» **YOUR INSTRUCTIONS**: Scan the data, and whenever a line contains "IFCINDEXEDPOLYGONALFACEWITHVOIDS", copy it.

[Collected data entries]
-------
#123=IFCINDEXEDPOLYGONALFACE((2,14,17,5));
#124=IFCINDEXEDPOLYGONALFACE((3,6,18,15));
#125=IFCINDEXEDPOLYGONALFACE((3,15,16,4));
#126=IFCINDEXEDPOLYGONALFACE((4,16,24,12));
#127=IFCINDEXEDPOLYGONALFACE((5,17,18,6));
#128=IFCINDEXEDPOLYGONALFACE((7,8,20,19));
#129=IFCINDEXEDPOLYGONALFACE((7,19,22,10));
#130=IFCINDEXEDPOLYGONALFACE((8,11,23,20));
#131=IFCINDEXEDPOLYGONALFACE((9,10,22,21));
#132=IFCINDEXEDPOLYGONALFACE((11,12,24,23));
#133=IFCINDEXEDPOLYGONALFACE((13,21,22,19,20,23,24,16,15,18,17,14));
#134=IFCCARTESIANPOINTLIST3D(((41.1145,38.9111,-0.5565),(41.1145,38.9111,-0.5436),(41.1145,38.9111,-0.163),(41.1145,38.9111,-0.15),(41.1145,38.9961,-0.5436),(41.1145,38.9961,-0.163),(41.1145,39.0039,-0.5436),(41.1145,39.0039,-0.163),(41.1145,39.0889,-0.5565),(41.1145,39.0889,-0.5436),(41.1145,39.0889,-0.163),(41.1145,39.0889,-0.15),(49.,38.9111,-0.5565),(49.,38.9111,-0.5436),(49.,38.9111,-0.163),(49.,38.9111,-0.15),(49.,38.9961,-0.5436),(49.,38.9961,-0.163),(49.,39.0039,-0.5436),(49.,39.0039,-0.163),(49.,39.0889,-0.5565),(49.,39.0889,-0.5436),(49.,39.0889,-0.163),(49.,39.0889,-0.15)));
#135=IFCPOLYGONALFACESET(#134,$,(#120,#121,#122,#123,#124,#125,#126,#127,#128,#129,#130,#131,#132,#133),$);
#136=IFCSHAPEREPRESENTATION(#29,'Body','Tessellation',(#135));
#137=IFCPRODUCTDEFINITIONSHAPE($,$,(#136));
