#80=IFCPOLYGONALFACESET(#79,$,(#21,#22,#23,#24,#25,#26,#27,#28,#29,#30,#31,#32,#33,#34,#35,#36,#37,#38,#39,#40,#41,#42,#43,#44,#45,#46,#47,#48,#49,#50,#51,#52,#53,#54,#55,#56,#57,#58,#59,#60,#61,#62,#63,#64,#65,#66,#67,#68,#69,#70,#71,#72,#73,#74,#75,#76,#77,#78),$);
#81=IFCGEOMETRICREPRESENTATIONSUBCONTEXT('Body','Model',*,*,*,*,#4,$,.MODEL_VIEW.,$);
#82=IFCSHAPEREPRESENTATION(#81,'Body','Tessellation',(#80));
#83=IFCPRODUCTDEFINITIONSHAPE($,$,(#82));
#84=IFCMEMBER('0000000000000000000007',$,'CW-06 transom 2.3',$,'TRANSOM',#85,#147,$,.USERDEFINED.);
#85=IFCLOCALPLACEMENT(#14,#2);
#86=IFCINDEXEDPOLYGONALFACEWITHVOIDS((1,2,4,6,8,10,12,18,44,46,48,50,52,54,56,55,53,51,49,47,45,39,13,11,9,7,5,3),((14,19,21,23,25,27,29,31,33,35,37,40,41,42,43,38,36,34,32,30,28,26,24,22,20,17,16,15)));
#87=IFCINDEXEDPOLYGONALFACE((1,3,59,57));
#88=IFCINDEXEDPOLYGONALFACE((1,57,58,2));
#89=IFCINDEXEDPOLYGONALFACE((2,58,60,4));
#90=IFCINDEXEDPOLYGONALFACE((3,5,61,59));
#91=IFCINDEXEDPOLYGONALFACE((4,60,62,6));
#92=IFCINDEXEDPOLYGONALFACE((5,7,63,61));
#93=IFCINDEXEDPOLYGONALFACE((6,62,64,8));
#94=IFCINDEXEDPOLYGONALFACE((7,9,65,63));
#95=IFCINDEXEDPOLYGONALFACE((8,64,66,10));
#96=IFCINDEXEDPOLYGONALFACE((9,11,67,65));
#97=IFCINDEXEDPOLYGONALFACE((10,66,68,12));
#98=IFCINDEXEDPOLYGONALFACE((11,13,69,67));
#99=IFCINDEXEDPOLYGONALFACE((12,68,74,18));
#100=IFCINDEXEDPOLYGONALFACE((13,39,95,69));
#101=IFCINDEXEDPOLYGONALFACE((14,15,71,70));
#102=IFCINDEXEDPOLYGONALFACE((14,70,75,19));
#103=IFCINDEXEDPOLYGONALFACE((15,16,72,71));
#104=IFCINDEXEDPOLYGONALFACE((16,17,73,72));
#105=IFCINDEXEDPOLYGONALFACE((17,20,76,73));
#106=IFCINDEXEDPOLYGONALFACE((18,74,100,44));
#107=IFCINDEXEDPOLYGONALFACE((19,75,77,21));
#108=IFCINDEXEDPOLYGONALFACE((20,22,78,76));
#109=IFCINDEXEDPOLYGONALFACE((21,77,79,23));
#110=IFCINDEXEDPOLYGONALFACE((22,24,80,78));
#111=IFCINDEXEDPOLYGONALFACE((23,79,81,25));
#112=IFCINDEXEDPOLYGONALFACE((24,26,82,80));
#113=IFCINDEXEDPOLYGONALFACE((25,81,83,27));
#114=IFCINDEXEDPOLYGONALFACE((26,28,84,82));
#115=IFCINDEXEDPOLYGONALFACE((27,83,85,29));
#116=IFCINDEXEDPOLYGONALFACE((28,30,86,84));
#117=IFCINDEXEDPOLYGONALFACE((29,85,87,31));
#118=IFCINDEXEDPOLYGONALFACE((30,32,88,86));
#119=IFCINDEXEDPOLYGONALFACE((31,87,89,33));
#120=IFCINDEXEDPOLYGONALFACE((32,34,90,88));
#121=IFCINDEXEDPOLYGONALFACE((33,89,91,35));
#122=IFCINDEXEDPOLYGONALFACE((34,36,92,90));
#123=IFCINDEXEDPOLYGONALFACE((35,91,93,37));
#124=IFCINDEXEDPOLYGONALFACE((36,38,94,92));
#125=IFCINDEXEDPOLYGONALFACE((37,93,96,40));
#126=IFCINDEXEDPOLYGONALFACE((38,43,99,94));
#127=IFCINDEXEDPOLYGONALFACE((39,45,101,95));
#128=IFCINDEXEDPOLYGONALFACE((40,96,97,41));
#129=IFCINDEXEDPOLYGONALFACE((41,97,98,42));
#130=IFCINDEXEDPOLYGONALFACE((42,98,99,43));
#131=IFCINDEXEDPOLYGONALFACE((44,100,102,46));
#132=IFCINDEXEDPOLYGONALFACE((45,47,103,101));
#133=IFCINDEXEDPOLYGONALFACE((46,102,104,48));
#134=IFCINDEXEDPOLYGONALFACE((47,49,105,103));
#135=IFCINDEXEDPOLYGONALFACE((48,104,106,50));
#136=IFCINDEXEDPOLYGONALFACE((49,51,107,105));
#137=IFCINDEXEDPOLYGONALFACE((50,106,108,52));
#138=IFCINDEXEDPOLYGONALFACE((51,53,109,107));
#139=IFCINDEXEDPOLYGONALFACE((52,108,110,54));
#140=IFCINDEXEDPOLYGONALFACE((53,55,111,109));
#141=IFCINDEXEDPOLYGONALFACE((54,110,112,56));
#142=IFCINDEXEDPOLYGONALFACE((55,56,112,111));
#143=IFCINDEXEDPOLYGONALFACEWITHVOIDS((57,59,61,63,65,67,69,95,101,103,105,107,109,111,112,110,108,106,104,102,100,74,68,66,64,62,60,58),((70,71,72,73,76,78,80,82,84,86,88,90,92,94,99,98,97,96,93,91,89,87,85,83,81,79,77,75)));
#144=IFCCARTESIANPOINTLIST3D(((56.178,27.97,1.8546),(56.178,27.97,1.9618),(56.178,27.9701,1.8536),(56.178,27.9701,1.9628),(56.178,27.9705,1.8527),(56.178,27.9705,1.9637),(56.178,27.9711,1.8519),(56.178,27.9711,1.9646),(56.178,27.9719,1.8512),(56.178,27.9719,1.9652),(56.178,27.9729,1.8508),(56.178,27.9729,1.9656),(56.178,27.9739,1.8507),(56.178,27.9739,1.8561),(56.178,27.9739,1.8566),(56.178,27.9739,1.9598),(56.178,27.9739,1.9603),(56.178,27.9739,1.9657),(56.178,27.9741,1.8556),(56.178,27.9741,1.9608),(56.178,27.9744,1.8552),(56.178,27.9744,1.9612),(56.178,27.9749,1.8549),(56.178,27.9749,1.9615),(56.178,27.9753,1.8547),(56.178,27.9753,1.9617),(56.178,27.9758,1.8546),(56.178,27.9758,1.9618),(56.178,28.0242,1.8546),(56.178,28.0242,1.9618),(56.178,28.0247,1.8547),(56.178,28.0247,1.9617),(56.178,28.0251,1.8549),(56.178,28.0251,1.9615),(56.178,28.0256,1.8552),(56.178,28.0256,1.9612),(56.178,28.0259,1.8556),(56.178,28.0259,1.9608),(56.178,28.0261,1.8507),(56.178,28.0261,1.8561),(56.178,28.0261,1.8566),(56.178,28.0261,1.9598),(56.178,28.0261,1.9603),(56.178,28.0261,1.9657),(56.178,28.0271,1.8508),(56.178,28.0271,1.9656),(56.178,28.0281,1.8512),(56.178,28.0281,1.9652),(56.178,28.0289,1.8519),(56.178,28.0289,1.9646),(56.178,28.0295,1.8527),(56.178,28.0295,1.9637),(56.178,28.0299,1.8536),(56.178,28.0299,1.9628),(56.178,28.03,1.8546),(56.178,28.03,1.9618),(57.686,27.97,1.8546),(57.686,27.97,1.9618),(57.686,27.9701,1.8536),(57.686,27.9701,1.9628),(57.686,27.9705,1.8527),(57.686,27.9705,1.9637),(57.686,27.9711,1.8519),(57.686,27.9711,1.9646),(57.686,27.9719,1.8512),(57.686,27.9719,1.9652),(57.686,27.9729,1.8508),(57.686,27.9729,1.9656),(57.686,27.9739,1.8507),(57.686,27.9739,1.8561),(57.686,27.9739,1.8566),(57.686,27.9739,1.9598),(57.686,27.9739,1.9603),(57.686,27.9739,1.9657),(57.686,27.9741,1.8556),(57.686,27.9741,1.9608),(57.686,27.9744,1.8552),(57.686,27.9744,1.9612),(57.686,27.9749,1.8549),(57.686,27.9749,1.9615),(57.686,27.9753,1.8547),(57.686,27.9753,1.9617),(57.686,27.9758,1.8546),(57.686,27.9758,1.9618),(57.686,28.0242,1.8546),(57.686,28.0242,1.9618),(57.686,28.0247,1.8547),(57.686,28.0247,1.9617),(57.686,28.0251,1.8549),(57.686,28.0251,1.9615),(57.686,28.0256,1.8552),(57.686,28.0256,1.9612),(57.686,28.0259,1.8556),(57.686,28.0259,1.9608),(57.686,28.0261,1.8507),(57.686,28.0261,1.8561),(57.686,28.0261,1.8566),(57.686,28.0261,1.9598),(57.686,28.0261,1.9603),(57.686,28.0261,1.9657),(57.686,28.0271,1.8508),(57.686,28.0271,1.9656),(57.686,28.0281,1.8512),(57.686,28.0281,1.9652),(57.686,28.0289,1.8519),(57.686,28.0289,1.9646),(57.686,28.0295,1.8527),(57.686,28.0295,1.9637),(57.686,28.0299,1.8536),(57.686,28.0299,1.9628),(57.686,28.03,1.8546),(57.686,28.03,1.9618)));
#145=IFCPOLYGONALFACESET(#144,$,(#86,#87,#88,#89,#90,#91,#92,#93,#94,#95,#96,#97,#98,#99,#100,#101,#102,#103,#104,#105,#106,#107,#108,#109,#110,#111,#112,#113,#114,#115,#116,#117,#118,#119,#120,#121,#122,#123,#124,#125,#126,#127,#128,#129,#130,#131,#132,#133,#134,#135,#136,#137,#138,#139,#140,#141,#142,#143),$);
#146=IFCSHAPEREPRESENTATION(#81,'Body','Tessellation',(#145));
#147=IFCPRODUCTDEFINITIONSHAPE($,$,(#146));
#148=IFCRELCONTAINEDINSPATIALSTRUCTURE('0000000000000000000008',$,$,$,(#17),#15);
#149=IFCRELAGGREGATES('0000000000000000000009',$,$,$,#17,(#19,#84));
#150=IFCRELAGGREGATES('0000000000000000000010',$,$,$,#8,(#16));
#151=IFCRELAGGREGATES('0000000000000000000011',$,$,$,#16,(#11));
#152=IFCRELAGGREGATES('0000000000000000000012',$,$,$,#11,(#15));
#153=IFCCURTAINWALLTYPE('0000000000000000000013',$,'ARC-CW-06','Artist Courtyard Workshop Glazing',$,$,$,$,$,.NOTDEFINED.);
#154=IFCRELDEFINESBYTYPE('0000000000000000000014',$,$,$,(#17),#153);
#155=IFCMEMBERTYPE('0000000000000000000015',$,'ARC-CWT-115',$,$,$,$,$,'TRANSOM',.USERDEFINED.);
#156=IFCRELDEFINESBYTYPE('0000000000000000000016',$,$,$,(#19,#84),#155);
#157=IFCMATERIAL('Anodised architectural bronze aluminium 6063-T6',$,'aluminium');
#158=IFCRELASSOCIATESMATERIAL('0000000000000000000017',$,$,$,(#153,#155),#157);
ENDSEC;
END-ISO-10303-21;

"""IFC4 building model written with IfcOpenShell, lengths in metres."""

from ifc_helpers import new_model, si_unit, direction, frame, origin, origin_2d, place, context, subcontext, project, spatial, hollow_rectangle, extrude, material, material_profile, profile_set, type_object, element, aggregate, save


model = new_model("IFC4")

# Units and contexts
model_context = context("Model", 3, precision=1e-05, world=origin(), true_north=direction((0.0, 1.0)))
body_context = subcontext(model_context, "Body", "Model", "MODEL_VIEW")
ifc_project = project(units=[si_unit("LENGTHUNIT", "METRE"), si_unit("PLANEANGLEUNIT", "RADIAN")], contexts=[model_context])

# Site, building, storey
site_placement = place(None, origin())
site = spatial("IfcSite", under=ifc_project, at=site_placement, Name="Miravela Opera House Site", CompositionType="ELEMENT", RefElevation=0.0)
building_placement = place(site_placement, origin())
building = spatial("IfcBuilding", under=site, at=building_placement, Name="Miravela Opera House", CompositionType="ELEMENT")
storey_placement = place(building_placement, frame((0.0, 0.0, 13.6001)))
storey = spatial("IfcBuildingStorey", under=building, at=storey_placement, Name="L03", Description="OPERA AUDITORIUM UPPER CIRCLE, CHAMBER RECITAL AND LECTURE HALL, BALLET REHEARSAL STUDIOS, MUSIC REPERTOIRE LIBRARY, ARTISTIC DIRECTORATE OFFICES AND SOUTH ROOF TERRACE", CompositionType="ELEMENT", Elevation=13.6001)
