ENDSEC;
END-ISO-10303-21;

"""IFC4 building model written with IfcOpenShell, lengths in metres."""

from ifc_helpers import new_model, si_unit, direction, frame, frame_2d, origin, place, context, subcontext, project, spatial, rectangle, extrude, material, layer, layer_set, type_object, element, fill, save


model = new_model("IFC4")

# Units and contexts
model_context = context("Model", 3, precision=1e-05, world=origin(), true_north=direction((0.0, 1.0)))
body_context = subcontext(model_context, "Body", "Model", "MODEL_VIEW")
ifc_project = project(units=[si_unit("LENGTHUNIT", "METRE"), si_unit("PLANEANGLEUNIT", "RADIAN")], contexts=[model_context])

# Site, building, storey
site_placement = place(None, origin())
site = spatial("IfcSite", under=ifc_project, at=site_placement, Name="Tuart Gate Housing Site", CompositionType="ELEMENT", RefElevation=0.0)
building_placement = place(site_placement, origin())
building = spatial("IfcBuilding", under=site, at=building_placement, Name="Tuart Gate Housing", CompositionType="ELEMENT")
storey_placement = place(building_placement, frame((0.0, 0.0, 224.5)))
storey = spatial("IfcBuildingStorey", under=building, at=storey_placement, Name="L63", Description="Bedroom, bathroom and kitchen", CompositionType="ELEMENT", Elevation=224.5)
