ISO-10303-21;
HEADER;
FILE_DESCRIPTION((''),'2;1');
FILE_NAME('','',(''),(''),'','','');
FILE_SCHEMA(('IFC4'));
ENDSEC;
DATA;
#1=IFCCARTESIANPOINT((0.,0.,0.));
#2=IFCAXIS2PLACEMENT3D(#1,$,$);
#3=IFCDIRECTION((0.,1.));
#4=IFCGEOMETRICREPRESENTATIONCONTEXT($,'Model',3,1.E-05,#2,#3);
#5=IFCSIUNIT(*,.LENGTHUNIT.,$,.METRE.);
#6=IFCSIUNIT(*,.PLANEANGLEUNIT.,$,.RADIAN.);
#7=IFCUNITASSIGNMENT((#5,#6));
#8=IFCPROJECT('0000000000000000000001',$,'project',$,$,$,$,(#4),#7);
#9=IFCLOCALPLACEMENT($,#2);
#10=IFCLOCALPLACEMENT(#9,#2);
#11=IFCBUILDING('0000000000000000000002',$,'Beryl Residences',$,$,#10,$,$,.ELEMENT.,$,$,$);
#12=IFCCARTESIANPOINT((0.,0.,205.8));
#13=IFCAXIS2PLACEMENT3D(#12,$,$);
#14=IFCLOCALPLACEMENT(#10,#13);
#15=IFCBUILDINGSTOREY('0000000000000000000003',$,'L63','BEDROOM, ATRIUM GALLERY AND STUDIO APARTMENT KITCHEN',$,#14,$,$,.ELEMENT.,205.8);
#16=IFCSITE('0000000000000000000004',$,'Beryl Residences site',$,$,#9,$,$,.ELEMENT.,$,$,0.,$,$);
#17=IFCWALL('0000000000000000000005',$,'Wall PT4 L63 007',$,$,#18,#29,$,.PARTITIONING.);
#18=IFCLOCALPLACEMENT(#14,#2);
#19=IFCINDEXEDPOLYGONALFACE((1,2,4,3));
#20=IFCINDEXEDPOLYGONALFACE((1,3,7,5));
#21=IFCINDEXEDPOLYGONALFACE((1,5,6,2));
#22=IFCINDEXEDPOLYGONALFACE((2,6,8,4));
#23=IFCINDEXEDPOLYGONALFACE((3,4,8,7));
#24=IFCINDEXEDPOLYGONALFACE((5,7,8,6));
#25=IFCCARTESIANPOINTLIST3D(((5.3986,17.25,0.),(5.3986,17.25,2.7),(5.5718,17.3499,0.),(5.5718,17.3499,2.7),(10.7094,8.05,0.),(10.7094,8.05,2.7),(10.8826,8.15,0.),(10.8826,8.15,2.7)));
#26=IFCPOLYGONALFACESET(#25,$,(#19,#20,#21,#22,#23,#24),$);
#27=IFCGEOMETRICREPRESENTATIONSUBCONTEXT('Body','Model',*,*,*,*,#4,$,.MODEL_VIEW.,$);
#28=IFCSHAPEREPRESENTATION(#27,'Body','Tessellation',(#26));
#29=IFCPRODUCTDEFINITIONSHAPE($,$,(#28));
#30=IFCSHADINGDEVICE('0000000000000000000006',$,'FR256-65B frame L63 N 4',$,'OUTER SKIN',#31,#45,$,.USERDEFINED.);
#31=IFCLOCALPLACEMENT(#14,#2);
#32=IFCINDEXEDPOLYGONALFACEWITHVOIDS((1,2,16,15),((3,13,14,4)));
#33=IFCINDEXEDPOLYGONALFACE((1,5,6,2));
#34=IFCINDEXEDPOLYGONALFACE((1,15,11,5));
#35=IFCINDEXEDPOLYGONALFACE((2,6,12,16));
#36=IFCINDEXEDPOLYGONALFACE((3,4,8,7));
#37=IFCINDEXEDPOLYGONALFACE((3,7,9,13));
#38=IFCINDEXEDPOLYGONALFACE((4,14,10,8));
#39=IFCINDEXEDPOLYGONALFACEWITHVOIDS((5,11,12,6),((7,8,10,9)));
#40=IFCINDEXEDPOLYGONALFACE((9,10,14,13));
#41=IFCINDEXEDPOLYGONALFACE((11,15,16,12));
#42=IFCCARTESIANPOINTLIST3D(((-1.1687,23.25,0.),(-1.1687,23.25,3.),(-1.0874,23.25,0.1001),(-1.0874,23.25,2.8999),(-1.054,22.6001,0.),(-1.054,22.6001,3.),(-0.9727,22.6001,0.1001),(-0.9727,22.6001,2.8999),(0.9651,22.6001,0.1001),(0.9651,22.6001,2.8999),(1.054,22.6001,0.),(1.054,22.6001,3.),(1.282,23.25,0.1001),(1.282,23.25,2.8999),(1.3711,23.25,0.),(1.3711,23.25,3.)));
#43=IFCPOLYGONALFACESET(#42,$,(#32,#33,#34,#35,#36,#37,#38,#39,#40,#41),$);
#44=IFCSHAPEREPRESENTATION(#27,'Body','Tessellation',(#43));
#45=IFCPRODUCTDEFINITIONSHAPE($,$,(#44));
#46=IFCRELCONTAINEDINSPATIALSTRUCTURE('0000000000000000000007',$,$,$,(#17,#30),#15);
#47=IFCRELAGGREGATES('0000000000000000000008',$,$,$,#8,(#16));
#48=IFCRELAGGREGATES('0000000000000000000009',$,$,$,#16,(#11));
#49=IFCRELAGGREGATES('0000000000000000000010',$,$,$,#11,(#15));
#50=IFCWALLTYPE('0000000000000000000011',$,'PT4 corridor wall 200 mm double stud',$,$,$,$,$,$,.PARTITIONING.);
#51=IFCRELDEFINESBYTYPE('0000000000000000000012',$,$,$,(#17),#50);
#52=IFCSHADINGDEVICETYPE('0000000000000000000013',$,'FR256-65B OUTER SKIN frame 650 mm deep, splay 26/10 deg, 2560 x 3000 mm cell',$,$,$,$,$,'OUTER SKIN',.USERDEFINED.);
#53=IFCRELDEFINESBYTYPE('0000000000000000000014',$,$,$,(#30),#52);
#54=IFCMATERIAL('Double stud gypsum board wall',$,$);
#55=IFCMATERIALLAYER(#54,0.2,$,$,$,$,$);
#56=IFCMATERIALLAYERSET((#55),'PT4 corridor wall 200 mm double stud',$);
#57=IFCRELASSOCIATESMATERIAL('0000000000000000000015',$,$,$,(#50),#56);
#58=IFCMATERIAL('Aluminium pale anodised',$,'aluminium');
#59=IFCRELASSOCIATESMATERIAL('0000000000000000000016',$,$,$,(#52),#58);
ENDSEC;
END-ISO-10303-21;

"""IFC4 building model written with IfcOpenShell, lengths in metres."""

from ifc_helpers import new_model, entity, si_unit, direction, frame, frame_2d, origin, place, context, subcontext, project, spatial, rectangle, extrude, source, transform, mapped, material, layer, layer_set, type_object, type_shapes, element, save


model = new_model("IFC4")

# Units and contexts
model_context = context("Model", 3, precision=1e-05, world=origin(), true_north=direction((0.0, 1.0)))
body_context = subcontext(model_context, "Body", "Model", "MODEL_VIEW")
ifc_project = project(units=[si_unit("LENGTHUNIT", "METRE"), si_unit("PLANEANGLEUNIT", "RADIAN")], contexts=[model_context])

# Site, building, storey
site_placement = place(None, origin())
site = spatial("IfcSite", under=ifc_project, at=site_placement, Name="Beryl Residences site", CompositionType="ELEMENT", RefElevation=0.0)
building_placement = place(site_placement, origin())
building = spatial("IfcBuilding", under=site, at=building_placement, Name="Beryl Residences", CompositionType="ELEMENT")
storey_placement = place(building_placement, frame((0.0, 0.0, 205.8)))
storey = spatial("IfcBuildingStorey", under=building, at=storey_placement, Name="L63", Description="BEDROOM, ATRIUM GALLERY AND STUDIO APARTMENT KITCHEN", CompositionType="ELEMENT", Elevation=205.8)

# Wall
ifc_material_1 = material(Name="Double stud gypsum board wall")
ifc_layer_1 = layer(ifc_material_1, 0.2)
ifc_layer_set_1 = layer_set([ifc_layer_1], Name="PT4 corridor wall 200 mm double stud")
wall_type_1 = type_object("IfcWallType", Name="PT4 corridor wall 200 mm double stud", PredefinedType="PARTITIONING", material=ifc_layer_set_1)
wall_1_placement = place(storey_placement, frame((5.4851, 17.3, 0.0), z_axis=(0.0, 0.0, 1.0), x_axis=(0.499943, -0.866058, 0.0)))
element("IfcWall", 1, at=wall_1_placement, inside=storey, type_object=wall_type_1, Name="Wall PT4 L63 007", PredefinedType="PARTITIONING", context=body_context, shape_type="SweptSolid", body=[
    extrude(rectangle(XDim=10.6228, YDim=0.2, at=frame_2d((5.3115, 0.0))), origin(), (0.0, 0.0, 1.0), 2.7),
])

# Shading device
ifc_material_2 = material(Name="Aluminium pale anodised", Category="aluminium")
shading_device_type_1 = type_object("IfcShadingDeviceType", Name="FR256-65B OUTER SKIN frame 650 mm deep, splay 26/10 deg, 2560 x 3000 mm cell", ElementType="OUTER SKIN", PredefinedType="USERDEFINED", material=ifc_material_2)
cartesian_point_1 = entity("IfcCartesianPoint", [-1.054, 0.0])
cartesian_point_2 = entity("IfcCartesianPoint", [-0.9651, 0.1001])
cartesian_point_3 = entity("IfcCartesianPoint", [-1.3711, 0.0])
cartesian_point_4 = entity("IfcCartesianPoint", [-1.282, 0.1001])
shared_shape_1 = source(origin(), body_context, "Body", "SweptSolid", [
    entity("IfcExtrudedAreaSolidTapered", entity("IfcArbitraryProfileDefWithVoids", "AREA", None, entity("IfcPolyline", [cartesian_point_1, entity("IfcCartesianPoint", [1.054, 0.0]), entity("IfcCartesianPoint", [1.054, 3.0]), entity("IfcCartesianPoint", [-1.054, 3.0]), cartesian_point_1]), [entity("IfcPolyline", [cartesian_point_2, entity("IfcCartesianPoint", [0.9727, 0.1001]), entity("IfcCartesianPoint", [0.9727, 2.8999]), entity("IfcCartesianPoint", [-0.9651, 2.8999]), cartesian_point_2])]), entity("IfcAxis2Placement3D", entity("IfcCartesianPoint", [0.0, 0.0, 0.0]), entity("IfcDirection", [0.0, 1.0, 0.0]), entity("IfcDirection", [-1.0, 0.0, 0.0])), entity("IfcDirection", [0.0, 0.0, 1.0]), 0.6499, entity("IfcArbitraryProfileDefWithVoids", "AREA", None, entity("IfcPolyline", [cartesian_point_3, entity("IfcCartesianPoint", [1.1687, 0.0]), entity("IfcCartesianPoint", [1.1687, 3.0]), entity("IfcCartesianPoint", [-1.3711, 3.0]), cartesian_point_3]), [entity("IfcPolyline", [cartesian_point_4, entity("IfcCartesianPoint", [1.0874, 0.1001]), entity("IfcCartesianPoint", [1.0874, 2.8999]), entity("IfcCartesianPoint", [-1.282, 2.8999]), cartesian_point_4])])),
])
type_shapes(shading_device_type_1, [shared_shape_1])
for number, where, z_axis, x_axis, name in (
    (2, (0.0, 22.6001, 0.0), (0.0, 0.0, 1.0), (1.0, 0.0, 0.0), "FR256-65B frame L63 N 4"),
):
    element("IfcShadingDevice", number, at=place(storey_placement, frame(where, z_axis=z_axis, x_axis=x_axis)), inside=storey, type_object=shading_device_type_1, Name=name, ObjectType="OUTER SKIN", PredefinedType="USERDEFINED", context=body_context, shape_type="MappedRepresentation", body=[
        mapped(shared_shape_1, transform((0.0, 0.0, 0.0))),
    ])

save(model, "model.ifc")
-------
» **TASK ANSWER**:
#86=IFCINDEXEDPOLYGONALFACEWITHVOIDS((1,2,4,6,8,10,12,18,44,46,48,50,52,54,56,55,53,51,49,47,45,39,13,11,9,7,5,3),((14,19,21,23,25,27,29,31,33,35,37,40,41,42,43,38,36,34,32,30,28,26,24,22,20,17,16,15)));
#143=IFCINDEXEDPOLYGONALFACEWITHVOIDS((57,59,61,63,65,67,69,95,101,103,105,107,109,111,112,110,108,106,104,102,100,74,68,66,64,62,60,58),((70,71,72,73,76,78,80,82,84,86,88,90,92,94,99,98,97,96,93,91,89,87,85,83,81,79,77,75)));
#32=IFCINDEXEDPOLYGONALFACEWITHVOIDS((1,2,16,15),((3,13,14,4)));
#39=IFCINDEXEDPOLYGONALFACEWITHVOIDS((5,11,12,6),((7,8,10,9)));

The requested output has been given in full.